Raw data:
>>>>
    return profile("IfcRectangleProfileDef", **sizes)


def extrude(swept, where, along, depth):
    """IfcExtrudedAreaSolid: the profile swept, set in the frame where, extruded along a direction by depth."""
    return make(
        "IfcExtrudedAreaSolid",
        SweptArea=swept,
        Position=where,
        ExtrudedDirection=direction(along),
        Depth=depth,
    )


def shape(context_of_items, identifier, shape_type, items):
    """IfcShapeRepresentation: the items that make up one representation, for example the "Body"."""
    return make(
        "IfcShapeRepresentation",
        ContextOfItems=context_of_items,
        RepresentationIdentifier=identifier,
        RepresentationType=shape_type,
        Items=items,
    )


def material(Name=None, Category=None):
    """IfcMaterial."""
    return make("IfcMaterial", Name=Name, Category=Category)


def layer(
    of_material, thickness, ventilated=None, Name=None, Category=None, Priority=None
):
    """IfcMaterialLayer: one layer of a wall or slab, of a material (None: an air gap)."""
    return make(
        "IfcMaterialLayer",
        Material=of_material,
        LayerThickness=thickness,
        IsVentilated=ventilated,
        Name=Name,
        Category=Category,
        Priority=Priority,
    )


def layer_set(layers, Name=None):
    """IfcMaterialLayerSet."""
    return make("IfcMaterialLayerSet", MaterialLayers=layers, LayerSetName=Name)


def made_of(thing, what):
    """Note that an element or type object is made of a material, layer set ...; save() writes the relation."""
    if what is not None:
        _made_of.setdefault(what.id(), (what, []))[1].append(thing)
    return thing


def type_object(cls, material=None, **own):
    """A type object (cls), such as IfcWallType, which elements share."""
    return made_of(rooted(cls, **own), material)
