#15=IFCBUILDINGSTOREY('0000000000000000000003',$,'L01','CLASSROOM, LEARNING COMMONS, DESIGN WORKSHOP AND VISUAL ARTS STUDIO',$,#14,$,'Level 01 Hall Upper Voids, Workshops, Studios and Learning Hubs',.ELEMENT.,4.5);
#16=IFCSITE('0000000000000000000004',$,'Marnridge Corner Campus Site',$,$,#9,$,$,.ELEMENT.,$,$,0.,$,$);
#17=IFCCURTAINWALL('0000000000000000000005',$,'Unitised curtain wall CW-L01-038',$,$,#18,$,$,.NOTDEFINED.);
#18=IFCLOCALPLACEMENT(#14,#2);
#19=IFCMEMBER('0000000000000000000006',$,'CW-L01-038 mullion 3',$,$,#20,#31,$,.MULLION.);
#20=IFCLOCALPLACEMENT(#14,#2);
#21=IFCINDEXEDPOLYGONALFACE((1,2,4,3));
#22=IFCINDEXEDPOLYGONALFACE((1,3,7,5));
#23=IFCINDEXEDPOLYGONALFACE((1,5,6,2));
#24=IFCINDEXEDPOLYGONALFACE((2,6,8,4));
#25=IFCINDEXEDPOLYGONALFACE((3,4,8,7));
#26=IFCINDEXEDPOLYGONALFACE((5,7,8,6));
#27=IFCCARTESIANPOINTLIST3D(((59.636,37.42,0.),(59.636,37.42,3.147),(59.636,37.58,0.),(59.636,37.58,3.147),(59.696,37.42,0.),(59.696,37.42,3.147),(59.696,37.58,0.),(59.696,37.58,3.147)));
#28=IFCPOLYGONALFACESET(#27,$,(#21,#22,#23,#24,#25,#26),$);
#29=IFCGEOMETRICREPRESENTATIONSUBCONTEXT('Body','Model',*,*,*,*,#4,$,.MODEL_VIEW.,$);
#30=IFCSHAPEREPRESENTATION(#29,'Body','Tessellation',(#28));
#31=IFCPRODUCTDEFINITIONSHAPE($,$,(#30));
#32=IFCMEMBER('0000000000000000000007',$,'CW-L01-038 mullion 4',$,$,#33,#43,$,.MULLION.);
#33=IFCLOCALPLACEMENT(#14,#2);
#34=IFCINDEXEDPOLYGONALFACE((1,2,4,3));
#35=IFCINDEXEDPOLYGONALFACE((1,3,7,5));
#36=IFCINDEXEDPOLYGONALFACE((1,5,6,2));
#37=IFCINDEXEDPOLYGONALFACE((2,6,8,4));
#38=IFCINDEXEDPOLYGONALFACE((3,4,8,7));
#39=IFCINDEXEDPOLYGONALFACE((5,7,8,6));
<<<<
>>>>
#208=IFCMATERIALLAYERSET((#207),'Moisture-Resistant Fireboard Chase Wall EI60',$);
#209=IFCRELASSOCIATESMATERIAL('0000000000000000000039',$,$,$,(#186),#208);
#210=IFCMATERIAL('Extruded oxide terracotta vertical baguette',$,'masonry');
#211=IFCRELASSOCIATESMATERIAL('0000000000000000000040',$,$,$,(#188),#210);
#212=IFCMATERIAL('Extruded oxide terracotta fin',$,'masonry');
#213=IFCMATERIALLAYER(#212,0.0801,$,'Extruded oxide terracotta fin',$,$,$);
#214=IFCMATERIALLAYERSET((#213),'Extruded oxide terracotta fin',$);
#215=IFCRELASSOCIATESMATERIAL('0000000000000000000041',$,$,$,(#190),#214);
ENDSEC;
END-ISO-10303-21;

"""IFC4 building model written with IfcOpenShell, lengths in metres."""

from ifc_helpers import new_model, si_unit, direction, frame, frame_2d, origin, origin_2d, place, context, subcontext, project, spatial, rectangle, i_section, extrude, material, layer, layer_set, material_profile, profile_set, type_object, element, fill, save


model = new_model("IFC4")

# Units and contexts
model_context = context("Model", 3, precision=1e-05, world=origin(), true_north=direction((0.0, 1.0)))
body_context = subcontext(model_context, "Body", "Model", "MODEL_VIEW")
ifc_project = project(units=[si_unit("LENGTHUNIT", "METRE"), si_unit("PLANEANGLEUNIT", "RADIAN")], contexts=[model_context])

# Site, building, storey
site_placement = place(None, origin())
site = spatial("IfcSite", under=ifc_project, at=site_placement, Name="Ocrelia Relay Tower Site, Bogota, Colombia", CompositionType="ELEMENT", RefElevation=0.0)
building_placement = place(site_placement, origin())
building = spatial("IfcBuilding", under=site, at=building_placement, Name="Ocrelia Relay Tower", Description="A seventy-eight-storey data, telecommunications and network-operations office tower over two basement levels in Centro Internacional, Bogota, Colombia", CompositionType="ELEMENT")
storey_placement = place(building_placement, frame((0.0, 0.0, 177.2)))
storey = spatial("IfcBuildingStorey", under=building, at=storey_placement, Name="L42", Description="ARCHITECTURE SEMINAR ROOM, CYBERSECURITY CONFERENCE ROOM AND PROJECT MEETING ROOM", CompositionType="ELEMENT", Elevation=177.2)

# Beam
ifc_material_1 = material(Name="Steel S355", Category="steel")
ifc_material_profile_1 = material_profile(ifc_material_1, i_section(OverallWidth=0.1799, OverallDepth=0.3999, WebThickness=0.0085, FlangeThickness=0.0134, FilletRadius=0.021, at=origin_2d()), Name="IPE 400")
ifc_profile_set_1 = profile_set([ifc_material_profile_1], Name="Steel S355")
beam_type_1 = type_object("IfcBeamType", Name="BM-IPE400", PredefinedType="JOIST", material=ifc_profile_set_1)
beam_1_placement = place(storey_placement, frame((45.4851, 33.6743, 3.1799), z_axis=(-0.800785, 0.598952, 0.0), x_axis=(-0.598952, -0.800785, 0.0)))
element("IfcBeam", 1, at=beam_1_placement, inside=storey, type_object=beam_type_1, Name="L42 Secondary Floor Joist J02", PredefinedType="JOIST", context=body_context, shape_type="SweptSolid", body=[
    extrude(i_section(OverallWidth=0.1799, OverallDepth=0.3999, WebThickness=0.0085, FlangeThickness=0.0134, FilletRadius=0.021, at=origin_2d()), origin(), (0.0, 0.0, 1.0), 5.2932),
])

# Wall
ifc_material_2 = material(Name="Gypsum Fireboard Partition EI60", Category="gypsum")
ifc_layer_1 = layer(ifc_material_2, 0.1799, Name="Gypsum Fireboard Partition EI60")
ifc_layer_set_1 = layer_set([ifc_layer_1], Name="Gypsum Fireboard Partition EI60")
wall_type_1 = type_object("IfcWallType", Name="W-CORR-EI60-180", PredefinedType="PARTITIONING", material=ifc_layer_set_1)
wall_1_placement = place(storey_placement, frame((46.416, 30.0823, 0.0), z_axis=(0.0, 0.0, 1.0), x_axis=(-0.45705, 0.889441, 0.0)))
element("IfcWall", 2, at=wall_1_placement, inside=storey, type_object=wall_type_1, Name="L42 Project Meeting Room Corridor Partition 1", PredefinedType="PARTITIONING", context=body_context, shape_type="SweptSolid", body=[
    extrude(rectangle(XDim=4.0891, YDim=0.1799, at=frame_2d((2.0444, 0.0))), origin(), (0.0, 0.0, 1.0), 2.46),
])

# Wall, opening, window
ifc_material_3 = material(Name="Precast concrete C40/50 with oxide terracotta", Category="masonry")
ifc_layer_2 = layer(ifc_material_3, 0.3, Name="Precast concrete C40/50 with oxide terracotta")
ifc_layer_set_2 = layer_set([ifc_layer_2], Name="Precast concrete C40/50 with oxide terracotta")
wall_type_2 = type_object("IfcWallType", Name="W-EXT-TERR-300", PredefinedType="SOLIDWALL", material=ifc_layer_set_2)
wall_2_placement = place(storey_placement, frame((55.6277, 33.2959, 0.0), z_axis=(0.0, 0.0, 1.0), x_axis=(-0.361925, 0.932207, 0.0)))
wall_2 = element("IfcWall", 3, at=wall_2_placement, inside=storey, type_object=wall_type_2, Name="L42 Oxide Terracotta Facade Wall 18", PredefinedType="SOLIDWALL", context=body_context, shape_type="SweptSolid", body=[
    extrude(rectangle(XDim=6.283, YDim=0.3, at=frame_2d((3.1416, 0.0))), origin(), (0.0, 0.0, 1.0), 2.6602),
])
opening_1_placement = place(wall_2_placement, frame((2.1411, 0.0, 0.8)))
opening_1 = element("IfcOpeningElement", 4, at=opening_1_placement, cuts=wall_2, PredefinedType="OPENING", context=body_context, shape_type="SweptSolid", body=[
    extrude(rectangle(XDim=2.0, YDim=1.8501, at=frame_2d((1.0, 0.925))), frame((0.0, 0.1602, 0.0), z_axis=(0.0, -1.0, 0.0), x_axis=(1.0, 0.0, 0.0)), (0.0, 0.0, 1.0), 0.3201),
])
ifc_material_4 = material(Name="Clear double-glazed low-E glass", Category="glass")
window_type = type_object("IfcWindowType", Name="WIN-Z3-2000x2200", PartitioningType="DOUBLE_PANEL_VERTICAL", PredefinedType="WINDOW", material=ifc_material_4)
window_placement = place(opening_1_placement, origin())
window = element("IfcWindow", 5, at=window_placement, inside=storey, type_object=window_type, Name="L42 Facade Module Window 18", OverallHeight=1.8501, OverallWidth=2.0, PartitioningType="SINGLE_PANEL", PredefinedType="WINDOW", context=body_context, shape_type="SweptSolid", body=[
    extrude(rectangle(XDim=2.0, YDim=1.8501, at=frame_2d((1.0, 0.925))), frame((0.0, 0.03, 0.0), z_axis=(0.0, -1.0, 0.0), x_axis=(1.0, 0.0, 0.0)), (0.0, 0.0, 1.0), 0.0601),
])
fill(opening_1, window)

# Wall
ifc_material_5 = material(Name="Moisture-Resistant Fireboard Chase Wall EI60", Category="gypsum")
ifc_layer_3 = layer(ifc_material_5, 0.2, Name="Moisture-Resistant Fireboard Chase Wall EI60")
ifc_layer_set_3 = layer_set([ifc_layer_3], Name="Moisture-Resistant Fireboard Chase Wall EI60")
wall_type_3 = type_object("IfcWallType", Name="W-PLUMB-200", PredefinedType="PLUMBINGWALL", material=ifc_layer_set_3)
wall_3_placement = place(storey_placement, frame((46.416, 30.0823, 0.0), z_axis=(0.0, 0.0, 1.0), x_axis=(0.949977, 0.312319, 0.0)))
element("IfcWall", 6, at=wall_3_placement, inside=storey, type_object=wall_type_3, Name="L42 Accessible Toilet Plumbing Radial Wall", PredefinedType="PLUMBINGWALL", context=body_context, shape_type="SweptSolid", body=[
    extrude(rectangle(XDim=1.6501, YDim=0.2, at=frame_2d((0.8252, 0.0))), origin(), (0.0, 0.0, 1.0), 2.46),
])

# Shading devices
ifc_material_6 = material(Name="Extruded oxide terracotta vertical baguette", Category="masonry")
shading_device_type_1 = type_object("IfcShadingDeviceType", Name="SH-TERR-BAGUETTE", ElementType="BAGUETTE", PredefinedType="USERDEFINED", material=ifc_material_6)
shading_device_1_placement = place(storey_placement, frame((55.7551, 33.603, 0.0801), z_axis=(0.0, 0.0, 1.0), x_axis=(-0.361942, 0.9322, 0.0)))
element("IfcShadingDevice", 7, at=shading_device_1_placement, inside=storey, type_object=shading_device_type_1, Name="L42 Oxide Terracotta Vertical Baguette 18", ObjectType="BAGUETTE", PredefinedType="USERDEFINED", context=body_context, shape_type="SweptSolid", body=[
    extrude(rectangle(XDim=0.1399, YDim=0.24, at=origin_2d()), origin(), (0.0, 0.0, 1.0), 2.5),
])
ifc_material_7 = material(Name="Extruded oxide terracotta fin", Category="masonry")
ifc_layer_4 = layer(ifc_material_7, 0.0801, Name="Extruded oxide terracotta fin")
<<<<
What the task asks: From the data above, output only the lines between the line containing "#38=IFCINDEXEDPOLYGONALFACE((3,4,8,7));" and the line containing "#39=IFCINDEXEDPOLYGONALFACE((5,7,8,6));", inclusive, exactly as written.

Task output:
#38=IFCINDEXEDPOLYGONALFACE((3,4,8,7));
#39=IFCINDEXEDPOLYGONALFACE((5,7,8,6));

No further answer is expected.